- _Your goal_
For the records that follow, please set down exactly the lines between the one holding "#53=IFCPRODUCTDEFINITIONSHAPE($,$,(#52));" and the one holding "#57=IFCINDEXEDPOLYGONALFACE((1,7,8,2));", inclusive, and only those.
· · · · · · ·
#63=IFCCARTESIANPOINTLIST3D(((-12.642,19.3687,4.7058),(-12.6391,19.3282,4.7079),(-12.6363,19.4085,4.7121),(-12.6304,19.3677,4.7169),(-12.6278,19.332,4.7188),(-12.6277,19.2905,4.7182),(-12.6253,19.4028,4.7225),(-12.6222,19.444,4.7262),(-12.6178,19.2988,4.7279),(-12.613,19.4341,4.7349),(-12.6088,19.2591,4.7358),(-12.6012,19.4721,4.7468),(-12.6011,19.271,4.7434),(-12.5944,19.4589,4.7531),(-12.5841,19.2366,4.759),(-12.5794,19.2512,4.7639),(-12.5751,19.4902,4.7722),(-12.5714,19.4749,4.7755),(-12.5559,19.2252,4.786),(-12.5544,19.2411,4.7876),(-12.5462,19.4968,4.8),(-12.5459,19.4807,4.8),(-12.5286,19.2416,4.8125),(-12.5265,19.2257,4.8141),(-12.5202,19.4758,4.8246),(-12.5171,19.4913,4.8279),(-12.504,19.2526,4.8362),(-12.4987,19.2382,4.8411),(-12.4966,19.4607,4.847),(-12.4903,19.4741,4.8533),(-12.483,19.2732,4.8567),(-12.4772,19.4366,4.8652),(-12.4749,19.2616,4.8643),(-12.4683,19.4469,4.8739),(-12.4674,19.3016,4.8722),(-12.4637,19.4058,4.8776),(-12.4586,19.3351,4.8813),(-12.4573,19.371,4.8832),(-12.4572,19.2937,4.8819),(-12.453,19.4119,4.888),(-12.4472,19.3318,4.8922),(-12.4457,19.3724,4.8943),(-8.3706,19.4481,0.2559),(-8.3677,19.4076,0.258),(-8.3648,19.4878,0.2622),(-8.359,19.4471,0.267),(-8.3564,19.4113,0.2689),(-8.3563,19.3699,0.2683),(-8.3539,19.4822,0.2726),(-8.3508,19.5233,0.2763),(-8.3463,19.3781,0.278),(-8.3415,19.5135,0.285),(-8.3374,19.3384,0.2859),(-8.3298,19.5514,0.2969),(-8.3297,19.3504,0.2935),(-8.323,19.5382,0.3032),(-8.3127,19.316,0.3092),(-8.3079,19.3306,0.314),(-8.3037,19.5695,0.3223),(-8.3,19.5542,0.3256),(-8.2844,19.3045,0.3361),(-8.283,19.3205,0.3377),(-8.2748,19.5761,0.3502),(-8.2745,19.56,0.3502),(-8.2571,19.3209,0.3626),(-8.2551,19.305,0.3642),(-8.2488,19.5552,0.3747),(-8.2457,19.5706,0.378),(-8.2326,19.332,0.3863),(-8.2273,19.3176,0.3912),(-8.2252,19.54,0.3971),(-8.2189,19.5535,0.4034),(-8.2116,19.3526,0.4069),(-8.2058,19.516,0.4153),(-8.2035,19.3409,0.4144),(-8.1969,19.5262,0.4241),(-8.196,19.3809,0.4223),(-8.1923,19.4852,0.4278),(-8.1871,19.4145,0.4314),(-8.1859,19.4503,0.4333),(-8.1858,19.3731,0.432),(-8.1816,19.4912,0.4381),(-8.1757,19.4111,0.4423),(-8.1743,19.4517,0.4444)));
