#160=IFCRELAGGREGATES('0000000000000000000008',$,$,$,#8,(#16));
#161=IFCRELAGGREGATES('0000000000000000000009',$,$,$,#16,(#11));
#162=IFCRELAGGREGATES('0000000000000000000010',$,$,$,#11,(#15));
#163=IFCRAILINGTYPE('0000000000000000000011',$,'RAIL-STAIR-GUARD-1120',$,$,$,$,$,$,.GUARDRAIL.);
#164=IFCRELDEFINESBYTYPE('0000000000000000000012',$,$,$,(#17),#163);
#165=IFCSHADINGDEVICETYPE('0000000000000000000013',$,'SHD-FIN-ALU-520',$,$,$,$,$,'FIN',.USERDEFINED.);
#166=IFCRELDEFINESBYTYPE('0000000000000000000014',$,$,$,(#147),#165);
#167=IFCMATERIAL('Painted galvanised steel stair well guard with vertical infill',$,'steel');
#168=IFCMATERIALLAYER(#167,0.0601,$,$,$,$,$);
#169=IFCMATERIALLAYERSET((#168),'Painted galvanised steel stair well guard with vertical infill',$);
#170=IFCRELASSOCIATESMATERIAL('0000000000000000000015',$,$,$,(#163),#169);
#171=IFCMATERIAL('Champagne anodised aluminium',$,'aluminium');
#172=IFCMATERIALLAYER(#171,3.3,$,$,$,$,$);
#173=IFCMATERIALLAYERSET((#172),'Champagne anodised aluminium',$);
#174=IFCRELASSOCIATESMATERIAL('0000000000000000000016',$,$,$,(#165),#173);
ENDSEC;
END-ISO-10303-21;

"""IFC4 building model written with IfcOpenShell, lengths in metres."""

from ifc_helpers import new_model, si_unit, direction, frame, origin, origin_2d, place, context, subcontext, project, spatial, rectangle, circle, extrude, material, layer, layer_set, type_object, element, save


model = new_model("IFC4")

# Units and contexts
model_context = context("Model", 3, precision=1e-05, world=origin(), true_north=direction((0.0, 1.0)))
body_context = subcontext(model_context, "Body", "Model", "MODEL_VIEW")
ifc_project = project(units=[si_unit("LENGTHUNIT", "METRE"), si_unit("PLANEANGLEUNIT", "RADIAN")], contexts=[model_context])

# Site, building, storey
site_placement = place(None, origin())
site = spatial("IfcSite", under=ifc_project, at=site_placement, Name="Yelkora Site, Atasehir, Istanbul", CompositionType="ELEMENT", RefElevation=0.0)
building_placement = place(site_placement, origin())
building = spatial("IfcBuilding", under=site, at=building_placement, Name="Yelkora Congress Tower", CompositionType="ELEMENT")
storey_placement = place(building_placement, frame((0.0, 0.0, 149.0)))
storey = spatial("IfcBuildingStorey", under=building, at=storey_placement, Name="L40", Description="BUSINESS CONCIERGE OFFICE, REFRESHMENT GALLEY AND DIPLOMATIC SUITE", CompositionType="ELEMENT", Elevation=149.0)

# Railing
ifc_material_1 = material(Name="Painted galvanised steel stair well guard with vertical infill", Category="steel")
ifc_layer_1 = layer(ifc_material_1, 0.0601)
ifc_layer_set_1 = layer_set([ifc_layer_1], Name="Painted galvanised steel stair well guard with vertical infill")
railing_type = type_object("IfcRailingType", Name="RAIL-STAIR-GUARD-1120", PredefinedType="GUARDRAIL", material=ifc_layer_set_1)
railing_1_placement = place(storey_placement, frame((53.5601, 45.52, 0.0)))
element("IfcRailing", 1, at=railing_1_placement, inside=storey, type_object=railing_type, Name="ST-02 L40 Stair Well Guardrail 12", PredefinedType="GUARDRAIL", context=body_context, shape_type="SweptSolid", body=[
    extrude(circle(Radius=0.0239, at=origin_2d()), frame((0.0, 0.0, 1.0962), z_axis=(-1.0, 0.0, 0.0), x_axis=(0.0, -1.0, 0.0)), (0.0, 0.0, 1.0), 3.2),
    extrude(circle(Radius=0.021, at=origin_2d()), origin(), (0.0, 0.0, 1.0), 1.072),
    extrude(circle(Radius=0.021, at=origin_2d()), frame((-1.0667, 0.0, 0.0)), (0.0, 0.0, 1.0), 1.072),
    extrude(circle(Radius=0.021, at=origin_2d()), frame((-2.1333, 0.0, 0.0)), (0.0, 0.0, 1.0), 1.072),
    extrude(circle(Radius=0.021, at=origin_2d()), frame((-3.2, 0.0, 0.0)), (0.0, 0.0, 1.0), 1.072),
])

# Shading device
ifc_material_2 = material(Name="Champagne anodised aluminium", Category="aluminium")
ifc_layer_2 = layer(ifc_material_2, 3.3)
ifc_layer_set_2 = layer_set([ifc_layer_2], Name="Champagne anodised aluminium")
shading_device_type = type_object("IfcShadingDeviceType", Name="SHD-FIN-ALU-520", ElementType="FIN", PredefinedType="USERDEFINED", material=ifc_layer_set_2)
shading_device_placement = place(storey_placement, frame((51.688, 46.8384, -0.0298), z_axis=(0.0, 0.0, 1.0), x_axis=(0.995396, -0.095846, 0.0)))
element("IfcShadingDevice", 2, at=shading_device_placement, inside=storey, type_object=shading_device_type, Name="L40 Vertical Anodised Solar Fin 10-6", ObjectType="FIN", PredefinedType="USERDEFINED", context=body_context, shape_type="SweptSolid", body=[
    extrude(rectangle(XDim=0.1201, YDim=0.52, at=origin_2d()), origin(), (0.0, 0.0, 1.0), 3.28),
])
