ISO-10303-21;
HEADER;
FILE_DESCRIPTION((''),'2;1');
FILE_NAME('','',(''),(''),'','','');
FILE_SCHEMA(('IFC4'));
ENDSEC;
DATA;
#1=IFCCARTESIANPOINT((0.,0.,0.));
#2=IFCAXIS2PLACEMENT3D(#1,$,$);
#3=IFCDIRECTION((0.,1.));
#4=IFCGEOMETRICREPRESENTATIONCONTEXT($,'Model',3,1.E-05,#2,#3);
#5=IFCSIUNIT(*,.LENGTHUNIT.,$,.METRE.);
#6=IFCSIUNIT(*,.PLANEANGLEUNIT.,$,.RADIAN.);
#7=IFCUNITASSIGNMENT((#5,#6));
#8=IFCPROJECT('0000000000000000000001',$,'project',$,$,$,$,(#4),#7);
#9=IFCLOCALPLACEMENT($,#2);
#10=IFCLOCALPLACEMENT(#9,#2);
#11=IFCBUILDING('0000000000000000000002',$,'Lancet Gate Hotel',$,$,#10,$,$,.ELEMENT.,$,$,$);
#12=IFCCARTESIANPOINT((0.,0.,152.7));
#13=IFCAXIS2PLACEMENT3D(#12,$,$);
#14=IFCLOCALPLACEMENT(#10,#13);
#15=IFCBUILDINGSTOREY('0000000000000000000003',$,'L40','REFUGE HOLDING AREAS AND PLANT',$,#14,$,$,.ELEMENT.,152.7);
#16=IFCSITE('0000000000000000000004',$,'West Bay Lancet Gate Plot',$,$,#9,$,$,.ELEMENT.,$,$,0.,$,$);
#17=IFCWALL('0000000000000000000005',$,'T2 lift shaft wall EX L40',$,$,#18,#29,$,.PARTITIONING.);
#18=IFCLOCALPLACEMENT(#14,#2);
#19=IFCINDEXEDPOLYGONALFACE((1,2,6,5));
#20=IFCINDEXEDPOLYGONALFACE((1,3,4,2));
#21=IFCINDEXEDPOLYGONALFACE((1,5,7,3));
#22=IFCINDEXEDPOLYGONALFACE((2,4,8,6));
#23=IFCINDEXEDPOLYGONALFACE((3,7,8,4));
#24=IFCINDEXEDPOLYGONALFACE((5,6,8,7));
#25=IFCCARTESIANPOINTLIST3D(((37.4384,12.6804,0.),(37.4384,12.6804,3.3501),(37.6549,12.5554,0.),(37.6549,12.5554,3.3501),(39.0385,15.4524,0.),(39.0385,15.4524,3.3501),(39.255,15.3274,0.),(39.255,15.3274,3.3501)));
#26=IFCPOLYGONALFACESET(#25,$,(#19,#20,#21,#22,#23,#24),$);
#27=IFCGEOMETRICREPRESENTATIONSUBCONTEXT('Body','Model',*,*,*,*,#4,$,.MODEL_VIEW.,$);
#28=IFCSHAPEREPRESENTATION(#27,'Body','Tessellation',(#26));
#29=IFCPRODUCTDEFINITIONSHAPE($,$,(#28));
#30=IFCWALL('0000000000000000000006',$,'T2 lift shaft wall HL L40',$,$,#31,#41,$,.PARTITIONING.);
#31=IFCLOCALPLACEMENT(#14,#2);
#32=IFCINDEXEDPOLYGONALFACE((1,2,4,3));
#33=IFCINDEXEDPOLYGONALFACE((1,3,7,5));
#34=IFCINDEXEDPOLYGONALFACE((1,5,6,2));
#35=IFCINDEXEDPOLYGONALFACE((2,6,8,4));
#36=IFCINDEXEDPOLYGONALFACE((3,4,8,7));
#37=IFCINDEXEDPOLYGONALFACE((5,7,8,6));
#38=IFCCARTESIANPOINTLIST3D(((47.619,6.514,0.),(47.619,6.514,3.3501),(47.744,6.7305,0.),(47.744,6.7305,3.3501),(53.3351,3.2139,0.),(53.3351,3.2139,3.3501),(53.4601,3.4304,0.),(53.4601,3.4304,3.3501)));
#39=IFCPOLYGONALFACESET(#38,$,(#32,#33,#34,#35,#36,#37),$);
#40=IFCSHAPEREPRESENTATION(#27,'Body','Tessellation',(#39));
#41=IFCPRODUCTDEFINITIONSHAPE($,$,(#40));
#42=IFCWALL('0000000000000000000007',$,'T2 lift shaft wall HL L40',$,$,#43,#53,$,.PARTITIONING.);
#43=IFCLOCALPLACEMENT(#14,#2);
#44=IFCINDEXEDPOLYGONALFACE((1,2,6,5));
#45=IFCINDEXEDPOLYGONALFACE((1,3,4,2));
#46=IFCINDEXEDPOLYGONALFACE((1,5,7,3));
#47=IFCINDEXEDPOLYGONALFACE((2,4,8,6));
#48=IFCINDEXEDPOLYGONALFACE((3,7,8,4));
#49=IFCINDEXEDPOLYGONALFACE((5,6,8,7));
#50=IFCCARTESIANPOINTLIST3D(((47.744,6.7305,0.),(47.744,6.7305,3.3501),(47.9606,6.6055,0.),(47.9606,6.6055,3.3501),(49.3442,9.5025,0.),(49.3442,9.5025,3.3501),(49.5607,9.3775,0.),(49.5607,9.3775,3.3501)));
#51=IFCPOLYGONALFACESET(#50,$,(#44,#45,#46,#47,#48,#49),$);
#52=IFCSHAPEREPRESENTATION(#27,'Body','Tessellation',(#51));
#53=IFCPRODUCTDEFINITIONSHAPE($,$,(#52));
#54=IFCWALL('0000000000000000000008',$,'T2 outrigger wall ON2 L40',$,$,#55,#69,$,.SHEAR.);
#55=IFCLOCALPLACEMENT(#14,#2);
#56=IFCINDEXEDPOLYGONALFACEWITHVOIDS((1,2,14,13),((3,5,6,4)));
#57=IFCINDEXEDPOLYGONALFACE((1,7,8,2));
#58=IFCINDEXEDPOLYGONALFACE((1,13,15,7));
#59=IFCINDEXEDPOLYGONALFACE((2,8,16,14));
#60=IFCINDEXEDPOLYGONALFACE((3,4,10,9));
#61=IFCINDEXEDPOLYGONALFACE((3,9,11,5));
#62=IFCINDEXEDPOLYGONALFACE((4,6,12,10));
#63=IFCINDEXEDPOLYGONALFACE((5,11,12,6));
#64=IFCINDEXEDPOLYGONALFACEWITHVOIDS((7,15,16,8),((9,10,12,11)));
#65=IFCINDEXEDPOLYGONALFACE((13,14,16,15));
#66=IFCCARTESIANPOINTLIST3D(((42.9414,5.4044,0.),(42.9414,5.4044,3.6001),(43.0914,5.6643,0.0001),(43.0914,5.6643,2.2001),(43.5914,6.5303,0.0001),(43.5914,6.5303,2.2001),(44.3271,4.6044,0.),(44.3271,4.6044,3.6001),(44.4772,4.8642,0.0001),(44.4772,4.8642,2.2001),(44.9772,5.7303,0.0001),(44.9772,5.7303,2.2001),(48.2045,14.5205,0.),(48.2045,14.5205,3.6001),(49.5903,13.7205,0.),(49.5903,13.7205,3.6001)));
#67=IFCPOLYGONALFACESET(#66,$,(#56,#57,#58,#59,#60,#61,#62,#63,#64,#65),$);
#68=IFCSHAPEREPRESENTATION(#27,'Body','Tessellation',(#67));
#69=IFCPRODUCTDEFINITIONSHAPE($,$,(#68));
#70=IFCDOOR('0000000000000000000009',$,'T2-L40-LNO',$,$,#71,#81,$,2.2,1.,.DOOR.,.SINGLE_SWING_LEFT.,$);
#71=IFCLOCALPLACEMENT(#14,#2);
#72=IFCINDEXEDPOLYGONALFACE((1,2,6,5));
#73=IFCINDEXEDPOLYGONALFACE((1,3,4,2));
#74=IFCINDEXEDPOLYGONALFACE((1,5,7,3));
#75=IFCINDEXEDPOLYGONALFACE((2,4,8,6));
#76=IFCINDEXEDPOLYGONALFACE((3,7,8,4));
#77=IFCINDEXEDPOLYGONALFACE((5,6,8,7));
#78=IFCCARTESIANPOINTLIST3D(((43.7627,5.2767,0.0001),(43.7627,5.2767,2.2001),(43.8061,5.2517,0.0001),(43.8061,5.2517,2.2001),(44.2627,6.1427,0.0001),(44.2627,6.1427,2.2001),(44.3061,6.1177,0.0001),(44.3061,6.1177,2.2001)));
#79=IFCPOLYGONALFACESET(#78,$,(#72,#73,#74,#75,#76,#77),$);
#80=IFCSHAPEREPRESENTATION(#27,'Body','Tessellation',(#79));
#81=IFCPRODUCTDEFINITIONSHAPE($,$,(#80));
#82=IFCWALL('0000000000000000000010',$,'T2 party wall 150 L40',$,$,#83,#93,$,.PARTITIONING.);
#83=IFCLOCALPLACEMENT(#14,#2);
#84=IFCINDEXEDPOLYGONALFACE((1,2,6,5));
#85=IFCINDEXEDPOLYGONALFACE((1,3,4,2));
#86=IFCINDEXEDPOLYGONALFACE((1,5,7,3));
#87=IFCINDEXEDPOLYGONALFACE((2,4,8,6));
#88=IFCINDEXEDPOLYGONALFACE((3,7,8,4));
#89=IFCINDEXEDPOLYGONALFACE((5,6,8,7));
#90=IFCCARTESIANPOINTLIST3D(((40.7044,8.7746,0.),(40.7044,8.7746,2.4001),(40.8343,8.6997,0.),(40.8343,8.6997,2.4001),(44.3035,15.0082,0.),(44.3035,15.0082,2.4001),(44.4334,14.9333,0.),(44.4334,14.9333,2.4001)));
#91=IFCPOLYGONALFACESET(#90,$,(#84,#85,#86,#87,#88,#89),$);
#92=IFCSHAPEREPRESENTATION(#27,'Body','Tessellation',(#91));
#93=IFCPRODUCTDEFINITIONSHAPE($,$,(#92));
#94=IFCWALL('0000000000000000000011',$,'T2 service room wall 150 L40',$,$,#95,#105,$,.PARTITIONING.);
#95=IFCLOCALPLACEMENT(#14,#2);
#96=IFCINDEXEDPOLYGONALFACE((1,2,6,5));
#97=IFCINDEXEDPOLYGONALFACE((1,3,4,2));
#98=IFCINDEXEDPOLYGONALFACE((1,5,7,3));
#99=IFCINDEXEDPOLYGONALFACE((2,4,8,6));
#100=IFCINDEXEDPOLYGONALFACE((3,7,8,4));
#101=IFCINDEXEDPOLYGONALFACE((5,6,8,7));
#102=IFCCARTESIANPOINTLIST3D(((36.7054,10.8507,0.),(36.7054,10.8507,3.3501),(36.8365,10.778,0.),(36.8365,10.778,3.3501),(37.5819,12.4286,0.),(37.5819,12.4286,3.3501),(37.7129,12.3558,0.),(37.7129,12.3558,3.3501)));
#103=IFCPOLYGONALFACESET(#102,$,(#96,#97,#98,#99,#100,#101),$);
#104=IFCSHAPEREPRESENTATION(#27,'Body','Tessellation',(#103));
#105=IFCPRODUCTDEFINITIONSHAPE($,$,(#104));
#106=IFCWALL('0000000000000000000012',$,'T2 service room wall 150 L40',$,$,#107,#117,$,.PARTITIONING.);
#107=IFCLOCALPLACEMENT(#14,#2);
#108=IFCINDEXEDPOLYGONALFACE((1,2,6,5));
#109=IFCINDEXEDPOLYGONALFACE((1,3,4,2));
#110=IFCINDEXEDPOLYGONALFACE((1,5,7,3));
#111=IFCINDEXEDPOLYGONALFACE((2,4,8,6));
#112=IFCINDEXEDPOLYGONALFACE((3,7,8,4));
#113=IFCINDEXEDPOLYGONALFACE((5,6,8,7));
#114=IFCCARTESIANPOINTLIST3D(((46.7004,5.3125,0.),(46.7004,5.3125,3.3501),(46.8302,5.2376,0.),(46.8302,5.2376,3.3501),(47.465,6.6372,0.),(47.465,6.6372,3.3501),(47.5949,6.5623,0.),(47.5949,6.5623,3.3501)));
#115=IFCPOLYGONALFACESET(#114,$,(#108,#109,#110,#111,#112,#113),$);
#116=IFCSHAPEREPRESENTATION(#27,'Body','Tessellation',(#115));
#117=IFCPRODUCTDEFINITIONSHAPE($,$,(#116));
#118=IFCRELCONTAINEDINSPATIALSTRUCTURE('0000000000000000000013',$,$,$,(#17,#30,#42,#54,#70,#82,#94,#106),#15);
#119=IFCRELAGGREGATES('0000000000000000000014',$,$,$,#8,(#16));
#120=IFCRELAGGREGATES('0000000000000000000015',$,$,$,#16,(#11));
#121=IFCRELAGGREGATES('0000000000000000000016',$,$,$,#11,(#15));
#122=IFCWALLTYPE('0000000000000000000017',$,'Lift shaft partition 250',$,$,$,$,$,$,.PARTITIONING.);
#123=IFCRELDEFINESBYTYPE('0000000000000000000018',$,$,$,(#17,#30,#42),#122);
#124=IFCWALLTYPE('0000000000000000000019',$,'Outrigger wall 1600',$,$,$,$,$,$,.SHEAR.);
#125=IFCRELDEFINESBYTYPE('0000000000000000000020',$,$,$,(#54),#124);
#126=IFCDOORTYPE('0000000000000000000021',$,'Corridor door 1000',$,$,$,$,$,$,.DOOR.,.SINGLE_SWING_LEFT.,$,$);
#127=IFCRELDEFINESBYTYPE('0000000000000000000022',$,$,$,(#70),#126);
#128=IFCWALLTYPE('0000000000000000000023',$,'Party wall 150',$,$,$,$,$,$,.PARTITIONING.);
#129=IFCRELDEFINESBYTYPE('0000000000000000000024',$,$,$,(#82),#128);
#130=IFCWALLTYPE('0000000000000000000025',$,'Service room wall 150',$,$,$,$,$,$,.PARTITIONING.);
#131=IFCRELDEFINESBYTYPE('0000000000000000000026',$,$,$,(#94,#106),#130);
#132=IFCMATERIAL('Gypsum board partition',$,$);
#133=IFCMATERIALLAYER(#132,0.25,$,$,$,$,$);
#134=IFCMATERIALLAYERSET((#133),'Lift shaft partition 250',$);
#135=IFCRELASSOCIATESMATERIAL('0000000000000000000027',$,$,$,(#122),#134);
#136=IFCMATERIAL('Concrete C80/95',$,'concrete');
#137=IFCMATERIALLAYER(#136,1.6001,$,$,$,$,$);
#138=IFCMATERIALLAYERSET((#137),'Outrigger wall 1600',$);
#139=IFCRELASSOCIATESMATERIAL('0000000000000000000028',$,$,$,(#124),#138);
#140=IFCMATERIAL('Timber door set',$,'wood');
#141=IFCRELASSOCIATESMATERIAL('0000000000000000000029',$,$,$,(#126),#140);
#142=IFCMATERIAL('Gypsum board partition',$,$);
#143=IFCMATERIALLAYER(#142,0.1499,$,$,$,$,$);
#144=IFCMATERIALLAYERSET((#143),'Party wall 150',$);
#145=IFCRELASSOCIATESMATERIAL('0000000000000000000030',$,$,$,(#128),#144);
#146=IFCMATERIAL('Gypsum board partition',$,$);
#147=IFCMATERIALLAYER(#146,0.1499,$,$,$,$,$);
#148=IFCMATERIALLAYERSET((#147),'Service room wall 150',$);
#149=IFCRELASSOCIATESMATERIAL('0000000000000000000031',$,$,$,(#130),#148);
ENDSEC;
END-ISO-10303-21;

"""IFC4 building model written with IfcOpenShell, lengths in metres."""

from ifc_helpers import new_model, si_unit, direction, frame, frame_2d, origin, place, context, subcontext, project, spatial, rectangle, extrude, material, layer, layer_set, type_object, element, fill, save


model = new_model("IFC4")

# Units and contexts
model_context = context("Model", 3, precision=1e-05, world=origin(), true_north=direction((0.0, 1.0)))
body_context = subcontext(model_context, "Body", "Model", "MODEL_VIEW")
ifc_project = project(units=[si_unit("LENGTHUNIT", "METRE"), si_unit("PLANEANGLEUNIT", "RADIAN")], contexts=[model_context])

# Site, building, storey
site_placement = place(None, origin())
site = spatial("IfcSite", under=ifc_project, at=site_placement, Name="West Bay Lancet Gate Plot", CompositionType="ELEMENT", RefElevation=0.0)
building_placement = place(site_placement, origin())
building = spatial("IfcBuilding", under=site, at=building_placement, Name="Lancet Gate Hotel", CompositionType="ELEMENT")
storey_placement = place(building_placement, frame((0.0, 0.0, 152.7)))
storey = spatial("IfcBuildingStorey", under=building, at=storey_placement, Name="L40", Description="REFUGE HOLDING AREAS AND PLANT", CompositionType="ELEMENT", Elevation=152.7)

# Walls
ifc_material_1 = material(Name="Gypsum board partition")
ifc_layer_1 = layer(ifc_material_1, 0.25)
ifc_layer_set_1 = layer_set([ifc_layer_1], Name="Lift shaft partition 250")
wall_type_1 = type_object("IfcWallType", Name="Lift shaft partition 250", PredefinedType="PARTITIONING", material=ifc_layer_set_1)
wall_1_placement = place(storey_placement, frame((37.5466, 12.6179, 0.0), z_axis=(0.0, 0.0, 1.0), x_axis=(0.499929, 0.866066, 0.0)))
element("IfcWall", 1, at=wall_1_placement, inside=storey, type_object=wall_type_1, Name="T2 lift shaft wall EX L40", PredefinedType="PARTITIONING", context=body_context, shape_type="SweptSolid", body=[
    extrude(rectangle(XDim=3.2007, YDim=0.25, at=frame_2d((1.6003, 0.0))), origin(), (0.0, 0.0, 1.0), 3.3501),
])
wall_2_placement = place(storey_placement, frame((47.6814, 6.6223, 0.0), z_axis=(0.0, 0.0, 1.0), x_axis=(0.866033, -0.499986, 0.0)))
element("IfcWall", 2, at=wall_2_placement, inside=storey, type_object=wall_type_1, Name="T2 lift shaft wall HL L40", PredefinedType="PARTITIONING", context=body_context, shape_type="SweptSolid", body=[
    extrude(rectangle(XDim=6.6003, YDim=0.25, at=frame_2d((3.3003, 0.0))), origin(), (0.0, 0.0, 1.0), 3.3501),
])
· · · · · · ·
- _Result_
#53=IFCPRODUCTDEFINITIONSHAPE($,$,(#52));
#54=IFCWALL('0000000000000000000008',$,'T2 outrigger wall ON2 L40',$,$,#55,#69,$,.SHEAR.);
#55=IFCLOCALPLACEMENT(#14,#2);
#56=IFCINDEXEDPOLYGONALFACEWITHVOIDS((1,2,14,13),((3,5,6,4)));
#57=IFCINDEXEDPOLYGONALFACE((1,7,8,2));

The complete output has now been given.